▶ [TASK PROMPT]
Use the entries below and reproduce exactly the lines from the one containing "#55=IFCMATERIALLAYER(#54,0.1001,$,$,$,$,$);" down to the one containing "#58=IFCMATERIAL('Fire-rated timber door", both of them included.

▶ [Items listed in a dataset]
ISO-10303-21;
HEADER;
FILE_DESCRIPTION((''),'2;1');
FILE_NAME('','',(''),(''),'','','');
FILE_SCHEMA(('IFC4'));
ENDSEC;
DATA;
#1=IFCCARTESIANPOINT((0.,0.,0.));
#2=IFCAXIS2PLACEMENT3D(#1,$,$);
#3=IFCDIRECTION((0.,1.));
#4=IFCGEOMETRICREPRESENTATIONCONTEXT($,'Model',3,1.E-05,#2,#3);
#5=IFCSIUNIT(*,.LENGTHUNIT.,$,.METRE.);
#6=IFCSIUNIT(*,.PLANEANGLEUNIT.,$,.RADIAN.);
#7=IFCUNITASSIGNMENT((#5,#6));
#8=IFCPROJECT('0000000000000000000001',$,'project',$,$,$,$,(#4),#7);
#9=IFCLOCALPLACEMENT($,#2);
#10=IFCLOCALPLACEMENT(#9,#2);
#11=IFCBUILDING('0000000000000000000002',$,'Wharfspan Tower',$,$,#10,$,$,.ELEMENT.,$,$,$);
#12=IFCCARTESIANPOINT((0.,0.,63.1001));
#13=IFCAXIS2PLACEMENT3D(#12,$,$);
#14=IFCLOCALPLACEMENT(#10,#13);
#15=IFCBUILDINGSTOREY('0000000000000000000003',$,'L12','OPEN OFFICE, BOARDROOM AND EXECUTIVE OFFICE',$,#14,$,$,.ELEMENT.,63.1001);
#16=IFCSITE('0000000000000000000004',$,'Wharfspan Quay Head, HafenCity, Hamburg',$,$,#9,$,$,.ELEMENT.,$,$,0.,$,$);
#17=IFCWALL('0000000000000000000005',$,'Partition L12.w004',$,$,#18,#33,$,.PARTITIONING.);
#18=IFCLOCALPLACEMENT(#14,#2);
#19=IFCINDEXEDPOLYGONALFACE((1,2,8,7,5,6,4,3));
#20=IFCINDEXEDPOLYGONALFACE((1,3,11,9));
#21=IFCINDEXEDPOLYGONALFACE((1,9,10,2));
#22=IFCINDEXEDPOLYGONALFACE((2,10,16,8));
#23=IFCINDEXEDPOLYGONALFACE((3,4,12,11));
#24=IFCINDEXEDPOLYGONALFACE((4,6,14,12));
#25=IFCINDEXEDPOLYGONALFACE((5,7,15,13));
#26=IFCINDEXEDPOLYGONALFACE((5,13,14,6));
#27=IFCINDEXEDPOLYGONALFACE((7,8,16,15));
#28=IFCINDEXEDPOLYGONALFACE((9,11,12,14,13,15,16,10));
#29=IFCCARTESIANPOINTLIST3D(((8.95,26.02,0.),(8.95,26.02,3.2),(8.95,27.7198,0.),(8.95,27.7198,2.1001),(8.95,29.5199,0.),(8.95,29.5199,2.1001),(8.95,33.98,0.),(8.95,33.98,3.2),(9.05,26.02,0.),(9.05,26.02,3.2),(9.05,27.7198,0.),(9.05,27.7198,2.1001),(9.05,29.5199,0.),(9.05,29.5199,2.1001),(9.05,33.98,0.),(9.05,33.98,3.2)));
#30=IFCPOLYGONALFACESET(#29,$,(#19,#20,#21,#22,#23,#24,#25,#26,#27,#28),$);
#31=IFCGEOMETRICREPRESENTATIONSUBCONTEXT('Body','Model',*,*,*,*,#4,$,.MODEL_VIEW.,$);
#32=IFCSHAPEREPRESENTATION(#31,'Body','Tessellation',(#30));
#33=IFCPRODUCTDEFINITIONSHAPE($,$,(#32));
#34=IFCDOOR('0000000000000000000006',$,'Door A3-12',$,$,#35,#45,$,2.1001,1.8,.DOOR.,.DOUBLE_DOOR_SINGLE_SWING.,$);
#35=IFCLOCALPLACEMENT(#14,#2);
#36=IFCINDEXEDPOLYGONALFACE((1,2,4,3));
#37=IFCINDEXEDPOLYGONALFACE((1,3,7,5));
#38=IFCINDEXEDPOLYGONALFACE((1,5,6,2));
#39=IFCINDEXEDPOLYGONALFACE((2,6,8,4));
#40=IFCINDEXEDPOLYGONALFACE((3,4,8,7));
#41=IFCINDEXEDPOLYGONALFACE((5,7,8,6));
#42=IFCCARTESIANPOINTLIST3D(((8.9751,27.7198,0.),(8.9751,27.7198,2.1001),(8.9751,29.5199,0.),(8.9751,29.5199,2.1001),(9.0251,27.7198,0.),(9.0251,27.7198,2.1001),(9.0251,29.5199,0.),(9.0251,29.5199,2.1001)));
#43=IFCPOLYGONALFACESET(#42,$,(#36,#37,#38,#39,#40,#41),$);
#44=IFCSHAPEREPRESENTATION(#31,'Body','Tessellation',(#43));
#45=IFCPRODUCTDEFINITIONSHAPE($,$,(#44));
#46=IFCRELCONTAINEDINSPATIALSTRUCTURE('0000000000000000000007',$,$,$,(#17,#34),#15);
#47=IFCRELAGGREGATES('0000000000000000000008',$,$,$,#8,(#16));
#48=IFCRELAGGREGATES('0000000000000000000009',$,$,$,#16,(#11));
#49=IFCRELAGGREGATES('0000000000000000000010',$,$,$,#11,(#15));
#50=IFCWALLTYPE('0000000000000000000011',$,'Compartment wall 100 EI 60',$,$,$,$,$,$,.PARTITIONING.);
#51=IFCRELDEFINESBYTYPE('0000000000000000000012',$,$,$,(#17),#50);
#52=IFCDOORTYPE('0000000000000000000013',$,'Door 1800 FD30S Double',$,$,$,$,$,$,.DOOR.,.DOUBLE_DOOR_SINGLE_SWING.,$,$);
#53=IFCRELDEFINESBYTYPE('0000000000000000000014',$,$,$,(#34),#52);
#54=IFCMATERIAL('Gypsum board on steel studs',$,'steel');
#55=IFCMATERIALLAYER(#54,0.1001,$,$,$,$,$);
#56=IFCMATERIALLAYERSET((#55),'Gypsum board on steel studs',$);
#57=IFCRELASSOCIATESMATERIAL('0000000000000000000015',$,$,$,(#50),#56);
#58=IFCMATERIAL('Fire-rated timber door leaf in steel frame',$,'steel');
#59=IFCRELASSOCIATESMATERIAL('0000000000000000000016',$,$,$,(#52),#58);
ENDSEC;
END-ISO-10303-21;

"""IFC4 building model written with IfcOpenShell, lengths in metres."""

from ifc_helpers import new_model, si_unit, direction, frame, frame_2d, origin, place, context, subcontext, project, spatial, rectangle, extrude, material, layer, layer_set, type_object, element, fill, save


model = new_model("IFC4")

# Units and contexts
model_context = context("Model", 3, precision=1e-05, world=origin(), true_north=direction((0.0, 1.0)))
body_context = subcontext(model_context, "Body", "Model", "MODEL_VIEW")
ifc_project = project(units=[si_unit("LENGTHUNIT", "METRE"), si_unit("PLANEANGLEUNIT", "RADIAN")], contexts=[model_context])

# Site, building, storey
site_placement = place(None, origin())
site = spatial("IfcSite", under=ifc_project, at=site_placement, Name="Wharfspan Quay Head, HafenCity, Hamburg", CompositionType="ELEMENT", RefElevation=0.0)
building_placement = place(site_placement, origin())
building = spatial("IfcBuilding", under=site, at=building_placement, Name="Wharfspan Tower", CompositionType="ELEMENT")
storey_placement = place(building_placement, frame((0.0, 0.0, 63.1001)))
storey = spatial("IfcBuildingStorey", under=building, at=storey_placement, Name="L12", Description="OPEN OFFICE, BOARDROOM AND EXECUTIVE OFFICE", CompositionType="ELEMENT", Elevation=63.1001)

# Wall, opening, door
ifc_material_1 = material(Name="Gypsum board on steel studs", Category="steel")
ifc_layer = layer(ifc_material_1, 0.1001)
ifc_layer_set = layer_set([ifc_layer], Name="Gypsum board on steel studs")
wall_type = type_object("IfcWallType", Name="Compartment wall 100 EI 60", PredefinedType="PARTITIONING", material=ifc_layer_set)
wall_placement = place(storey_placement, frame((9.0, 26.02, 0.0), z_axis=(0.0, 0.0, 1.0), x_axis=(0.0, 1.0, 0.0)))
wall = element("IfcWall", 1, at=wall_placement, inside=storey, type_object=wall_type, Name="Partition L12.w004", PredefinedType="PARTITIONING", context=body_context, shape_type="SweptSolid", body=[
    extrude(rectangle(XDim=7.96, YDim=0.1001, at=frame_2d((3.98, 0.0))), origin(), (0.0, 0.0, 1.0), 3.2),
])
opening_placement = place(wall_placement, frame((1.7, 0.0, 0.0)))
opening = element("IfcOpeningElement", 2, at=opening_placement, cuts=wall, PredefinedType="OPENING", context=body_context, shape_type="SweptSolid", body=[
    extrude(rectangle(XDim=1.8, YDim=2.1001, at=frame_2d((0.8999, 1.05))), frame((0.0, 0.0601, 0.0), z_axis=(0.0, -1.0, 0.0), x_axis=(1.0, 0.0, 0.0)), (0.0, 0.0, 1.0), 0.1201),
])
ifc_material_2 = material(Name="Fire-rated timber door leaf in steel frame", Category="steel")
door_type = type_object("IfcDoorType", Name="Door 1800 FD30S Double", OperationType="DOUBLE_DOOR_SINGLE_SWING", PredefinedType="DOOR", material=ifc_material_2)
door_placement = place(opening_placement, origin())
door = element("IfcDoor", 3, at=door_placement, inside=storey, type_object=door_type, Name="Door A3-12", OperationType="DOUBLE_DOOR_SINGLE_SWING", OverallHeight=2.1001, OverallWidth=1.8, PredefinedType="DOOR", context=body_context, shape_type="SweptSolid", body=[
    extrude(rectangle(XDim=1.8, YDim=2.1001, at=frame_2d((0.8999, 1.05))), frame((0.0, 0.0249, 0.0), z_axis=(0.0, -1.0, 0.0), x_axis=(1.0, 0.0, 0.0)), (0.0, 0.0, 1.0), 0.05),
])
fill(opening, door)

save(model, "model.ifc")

▶ [RESULT BELOW]
#55=IFCMATERIALLAYER(#54,0.1001,$,$,$,$,$);
#56=IFCMATERIALLAYERSET((#55),'Gypsum board on steel studs',$);
#57=IFCRELASSOCIATESMATERIAL('0000000000000000000015',$,$,$,(#50),#56);
#58=IFCMATERIAL('Fire-rated timber door leaf in steel frame',$,'steel');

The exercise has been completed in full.